[Source data]
================
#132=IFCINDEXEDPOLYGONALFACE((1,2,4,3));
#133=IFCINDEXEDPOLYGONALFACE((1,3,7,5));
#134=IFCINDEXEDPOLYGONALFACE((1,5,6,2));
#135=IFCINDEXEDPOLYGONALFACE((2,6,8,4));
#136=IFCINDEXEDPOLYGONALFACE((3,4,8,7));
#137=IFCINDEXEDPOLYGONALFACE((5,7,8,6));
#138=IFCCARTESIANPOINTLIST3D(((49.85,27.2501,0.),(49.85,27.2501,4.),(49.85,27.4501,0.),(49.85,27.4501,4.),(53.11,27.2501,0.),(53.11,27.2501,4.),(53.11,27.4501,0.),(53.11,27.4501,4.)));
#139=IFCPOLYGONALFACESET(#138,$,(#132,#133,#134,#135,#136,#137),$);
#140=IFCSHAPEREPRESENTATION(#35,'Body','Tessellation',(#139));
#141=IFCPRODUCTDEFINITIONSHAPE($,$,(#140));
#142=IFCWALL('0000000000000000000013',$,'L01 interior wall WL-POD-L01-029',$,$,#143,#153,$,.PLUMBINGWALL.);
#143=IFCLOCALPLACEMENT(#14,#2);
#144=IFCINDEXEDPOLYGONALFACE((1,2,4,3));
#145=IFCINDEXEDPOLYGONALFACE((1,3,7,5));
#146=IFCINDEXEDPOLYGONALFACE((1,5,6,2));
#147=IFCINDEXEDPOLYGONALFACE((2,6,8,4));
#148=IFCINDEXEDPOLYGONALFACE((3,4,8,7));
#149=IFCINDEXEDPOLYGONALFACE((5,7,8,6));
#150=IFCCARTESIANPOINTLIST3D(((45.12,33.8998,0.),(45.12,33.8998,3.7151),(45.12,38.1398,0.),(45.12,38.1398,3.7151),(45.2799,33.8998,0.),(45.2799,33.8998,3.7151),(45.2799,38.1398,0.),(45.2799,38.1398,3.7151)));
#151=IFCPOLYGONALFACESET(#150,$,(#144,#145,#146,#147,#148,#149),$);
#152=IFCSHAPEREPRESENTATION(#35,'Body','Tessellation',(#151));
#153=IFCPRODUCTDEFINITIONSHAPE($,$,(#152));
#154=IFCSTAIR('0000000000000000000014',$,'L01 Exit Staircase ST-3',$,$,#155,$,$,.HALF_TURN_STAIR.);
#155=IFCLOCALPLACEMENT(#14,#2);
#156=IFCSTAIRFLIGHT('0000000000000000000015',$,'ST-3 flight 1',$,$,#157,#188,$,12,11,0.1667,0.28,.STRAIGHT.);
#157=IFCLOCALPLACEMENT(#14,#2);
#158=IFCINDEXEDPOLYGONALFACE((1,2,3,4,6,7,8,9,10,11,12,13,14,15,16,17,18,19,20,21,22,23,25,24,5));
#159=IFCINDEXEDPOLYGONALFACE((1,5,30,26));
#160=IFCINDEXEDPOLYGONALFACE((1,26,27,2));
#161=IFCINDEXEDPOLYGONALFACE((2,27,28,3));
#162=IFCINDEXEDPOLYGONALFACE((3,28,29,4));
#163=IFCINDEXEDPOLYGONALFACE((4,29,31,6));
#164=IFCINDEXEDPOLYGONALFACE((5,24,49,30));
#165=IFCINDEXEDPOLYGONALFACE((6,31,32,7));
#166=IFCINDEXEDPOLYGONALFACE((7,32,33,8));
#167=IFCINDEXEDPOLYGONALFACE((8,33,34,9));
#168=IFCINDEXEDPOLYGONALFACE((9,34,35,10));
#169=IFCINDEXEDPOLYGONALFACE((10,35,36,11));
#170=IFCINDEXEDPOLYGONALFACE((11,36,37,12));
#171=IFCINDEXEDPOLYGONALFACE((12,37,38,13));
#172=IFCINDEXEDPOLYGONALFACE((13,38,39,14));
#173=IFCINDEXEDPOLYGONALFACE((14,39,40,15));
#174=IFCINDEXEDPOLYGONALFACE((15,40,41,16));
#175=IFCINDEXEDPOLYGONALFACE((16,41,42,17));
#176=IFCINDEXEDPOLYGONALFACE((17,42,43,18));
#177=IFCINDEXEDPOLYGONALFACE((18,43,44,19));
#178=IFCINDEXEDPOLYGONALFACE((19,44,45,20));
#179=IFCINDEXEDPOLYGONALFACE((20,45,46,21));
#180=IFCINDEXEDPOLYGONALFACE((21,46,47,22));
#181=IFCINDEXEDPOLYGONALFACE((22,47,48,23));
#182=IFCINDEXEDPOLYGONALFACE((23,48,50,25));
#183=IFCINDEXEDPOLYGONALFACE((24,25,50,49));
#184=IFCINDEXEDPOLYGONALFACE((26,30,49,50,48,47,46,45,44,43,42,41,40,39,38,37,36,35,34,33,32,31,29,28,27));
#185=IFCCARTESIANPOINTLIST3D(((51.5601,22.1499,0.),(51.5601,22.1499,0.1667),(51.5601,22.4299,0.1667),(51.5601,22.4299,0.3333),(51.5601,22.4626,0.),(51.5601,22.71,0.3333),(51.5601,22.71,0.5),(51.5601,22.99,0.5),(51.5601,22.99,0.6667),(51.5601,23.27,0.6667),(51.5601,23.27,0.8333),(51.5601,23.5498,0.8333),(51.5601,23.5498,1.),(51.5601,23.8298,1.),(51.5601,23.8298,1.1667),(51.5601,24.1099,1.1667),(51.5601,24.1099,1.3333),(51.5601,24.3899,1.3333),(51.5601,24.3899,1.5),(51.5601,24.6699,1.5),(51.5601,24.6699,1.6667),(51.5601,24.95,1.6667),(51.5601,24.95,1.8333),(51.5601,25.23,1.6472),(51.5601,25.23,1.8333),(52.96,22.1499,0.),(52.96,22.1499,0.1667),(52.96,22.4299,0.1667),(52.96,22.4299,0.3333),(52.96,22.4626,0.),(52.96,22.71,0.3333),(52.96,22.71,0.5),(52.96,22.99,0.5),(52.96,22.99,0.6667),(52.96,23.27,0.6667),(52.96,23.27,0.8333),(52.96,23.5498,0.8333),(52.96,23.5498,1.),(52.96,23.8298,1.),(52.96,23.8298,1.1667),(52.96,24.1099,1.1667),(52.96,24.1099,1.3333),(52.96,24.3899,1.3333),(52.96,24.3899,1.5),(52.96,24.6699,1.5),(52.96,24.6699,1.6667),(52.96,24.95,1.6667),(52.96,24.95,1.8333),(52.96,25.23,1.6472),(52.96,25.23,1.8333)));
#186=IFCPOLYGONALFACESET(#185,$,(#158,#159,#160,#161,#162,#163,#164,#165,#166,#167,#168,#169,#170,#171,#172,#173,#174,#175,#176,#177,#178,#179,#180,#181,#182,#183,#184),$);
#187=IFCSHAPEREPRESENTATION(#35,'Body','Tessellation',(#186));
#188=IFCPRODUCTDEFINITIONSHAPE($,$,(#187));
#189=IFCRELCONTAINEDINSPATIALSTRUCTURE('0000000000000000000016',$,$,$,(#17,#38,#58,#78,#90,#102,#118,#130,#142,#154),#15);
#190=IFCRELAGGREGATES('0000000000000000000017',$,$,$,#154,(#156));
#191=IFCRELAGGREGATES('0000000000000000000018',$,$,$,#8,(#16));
================
● Exercise objective
Only the lines with the string "Tessellation" are wanted; pick them out of the records above and copy them.

● Reply
#140=IFCSHAPEREPRESENTATION(#35,'Body','Tessellation',(#139));
#152=IFCSHAPEREPRESENTATION(#35,'Body','Tessellation',(#151));
#187=IFCSHAPEREPRESENTATION(#35,'Body','Tessellation',(#186));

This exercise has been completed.